Read through the lines below and copy the ones holding the string "Tessellation".
***
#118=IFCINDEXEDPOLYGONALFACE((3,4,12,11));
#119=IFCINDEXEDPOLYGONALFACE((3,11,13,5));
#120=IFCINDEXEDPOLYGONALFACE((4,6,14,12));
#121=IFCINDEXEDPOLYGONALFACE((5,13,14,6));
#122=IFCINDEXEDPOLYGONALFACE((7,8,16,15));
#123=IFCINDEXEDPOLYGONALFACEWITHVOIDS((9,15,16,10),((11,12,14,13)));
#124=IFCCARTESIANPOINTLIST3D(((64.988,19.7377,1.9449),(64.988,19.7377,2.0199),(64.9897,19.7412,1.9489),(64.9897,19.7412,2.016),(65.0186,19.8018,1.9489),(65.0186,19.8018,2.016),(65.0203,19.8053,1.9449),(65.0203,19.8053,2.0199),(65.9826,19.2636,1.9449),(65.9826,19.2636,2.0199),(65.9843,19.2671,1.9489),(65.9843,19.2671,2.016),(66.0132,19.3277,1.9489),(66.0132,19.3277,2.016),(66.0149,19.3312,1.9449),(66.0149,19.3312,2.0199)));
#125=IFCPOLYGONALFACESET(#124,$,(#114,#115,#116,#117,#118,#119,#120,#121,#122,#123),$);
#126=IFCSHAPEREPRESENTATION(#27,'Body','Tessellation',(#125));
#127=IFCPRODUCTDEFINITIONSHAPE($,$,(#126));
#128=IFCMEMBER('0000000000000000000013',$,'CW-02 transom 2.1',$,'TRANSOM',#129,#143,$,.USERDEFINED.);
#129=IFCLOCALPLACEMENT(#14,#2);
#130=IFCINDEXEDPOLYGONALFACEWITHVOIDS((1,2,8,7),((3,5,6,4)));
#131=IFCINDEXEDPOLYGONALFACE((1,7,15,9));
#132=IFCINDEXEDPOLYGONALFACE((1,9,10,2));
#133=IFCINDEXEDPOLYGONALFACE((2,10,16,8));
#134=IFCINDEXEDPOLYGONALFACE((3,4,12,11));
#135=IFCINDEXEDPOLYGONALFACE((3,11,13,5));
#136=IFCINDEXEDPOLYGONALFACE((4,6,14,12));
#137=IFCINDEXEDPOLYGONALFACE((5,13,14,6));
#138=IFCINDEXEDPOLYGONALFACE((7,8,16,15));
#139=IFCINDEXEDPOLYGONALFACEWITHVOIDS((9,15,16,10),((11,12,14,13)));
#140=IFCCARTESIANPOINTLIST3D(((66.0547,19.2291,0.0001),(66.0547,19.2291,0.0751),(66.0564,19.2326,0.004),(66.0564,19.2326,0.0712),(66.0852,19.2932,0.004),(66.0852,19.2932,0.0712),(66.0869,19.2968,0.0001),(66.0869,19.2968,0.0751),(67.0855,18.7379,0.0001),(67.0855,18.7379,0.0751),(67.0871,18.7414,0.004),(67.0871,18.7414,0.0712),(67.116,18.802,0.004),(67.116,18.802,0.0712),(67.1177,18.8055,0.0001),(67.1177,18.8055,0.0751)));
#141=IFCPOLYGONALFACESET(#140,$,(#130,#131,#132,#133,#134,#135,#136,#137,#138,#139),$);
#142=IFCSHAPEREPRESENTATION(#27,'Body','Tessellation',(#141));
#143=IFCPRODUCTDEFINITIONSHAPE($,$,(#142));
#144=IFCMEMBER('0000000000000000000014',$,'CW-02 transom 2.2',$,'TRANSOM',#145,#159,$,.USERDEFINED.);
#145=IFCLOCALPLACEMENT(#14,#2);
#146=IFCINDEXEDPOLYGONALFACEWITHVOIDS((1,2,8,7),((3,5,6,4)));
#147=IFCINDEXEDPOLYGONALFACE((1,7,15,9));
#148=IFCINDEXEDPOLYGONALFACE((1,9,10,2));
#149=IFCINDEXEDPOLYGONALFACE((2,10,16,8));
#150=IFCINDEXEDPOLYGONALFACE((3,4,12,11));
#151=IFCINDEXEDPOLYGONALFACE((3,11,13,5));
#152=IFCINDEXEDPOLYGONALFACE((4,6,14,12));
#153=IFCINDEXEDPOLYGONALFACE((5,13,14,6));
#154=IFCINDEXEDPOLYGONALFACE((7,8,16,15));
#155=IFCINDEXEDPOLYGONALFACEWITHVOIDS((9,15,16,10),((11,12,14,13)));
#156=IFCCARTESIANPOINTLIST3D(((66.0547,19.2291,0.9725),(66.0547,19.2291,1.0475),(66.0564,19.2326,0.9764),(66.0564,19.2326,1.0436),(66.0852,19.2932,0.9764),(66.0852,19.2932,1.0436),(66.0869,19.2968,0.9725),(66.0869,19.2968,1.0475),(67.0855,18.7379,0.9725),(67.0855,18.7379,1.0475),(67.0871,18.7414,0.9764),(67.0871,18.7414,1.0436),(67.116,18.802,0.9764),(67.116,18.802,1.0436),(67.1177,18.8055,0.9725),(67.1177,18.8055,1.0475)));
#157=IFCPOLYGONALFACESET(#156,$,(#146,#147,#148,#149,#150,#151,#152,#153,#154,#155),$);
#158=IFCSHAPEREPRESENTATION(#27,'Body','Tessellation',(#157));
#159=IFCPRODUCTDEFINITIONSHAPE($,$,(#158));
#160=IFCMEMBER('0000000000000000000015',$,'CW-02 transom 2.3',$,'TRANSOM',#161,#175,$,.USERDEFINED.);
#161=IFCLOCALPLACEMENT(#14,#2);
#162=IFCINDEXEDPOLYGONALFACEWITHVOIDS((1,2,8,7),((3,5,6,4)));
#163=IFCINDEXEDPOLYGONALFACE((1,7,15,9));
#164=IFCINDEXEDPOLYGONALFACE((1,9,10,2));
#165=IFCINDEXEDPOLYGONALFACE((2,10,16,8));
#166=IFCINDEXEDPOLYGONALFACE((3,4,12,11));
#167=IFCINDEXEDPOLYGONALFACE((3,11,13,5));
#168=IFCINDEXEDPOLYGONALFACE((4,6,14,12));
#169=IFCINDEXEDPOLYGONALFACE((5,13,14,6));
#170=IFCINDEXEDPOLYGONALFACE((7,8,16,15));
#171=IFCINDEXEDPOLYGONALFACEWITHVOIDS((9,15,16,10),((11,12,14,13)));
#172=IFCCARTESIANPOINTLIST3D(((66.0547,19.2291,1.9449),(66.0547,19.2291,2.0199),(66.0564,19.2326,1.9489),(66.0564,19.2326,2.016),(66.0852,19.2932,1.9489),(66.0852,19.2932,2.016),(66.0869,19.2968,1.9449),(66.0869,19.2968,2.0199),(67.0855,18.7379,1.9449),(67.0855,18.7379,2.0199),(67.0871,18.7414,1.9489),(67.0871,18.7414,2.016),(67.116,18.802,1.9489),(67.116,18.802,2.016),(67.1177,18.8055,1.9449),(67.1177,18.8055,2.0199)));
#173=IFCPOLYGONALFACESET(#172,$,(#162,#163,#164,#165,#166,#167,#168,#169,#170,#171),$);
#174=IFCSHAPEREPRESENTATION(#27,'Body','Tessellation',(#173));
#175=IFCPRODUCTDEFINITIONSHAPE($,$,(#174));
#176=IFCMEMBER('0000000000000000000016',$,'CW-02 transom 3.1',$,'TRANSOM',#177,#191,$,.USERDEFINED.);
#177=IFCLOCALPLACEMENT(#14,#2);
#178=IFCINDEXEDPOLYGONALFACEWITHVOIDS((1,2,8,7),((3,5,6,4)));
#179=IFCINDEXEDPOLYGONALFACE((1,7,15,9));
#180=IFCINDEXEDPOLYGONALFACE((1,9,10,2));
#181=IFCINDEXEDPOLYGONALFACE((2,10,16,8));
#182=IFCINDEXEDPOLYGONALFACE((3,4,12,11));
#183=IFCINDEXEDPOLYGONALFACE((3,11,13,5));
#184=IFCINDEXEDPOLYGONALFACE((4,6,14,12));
***
* Response for this exercise
#126=IFCSHAPEREPRESENTATION(#27,'Body','Tessellation',(#125));
#142=IFCSHAPEREPRESENTATION(#27,'Body','Tessellation',(#141));
#158=IFCSHAPEREPRESENTATION(#27,'Body','Tessellation',(#157));
#174=IFCSHAPEREPRESENTATION(#27,'Body','Tessellation',(#173));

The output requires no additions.